■ ACTIVITY
From the opening line of the records through the line bearing "#213=IFCINDEXEDPOLYGONALFACE((5,7,8,6));", set down every line exactly.
__________
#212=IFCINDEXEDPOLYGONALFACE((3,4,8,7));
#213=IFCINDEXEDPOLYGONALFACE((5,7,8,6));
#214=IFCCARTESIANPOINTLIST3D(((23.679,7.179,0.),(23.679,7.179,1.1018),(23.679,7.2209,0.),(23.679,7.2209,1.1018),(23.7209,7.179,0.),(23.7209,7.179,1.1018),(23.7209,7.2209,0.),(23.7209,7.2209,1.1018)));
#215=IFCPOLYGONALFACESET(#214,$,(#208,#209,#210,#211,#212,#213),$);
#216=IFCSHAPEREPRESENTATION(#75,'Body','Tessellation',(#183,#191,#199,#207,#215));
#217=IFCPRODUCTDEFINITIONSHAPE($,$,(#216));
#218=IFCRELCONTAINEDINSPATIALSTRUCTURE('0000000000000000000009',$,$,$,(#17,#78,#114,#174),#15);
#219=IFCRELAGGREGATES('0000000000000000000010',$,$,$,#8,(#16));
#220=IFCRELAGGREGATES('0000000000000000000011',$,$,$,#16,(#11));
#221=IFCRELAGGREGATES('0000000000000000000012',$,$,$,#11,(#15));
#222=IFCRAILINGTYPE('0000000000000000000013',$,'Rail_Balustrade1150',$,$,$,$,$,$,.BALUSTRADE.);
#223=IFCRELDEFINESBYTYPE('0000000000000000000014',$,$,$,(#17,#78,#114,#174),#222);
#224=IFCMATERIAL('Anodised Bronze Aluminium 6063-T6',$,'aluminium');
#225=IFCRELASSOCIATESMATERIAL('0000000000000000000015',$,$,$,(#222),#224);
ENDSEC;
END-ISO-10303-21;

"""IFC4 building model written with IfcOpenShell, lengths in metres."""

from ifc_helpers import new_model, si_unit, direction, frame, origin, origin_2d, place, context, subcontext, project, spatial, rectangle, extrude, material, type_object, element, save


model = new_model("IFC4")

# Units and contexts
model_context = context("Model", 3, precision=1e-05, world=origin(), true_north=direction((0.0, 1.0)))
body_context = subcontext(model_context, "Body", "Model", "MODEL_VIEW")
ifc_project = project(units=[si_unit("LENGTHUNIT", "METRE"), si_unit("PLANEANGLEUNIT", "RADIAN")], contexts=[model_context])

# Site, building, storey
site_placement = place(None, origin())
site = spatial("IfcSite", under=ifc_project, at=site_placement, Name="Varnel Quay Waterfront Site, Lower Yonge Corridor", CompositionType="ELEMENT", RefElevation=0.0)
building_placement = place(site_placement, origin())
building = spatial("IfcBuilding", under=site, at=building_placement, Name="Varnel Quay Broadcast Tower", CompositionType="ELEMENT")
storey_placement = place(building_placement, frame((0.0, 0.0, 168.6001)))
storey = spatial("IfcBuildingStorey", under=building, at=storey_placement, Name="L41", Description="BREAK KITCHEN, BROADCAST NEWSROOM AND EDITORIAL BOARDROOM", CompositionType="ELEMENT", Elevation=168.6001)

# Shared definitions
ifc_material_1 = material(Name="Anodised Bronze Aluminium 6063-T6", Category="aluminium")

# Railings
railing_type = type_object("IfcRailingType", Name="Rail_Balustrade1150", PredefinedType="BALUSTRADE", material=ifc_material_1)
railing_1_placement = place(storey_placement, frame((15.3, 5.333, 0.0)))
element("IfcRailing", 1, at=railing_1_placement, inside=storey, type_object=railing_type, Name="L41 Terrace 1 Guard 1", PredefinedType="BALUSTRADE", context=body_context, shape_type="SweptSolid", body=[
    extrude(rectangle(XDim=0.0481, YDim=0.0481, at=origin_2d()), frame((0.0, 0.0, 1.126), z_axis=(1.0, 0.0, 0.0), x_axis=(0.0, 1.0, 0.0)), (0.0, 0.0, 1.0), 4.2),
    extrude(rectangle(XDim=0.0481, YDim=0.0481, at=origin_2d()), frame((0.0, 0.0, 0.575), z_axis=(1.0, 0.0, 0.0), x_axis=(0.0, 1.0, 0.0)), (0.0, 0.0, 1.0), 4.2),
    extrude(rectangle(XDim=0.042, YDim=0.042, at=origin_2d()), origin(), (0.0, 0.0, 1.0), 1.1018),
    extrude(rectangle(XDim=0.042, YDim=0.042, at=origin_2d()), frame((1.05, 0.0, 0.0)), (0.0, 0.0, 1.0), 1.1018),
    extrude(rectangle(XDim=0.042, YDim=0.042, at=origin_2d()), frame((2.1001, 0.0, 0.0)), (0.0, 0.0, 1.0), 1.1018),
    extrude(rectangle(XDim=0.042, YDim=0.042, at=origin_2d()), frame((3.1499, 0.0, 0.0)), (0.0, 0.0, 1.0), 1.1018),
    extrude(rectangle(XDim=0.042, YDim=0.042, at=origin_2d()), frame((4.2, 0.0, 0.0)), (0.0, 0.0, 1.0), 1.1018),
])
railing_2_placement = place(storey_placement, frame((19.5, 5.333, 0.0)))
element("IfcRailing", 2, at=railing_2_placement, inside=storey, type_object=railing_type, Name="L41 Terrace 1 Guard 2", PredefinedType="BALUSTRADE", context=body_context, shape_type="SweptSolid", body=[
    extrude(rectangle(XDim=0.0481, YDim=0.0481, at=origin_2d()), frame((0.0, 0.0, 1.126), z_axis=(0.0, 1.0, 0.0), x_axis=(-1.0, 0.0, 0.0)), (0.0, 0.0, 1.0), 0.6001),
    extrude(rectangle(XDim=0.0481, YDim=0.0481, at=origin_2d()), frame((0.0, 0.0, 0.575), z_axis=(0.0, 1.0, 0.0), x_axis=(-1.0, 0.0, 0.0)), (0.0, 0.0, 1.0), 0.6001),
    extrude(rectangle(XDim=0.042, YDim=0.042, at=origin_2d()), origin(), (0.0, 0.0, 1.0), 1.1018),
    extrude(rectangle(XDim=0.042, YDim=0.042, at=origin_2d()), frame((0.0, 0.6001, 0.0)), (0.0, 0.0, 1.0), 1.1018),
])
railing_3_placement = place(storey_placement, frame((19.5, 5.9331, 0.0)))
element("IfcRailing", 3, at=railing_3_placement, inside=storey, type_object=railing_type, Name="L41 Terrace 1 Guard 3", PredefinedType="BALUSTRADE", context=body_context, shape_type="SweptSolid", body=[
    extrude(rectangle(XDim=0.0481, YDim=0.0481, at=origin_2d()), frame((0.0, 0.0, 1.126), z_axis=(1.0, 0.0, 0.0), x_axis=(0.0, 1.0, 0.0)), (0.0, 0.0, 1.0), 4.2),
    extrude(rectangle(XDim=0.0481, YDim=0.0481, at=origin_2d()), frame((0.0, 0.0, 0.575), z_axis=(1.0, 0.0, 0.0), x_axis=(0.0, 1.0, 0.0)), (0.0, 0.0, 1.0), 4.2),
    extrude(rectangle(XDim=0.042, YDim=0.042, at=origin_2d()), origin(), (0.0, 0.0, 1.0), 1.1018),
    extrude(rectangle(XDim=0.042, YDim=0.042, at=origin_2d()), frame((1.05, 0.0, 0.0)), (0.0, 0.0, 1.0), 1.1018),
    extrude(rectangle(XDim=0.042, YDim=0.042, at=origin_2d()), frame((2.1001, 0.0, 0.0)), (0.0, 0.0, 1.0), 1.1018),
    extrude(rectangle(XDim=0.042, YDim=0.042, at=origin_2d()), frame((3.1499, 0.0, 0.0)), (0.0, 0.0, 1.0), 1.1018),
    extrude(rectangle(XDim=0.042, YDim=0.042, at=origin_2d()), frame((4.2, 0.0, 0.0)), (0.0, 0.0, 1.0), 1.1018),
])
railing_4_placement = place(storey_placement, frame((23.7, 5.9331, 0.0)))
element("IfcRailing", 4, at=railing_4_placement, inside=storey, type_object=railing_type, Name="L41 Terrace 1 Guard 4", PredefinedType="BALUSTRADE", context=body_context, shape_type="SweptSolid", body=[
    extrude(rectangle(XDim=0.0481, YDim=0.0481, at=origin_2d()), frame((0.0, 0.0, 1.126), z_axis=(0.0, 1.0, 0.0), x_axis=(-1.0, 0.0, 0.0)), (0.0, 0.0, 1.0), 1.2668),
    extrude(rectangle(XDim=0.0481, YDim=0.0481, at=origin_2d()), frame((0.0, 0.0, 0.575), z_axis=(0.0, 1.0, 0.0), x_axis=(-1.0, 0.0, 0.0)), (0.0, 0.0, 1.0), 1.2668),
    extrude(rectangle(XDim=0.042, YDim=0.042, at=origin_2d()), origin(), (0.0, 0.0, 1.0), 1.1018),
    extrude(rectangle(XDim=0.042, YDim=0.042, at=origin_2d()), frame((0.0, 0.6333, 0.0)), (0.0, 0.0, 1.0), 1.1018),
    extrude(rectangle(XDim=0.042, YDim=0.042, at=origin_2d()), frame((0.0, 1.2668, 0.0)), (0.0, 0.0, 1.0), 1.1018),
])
__________
■ EXERCISE ANSWER
#212=IFCINDEXEDPOLYGONALFACE((3,4,8,7));
#213=IFCINDEXEDPOLYGONALFACE((5,7,8,6));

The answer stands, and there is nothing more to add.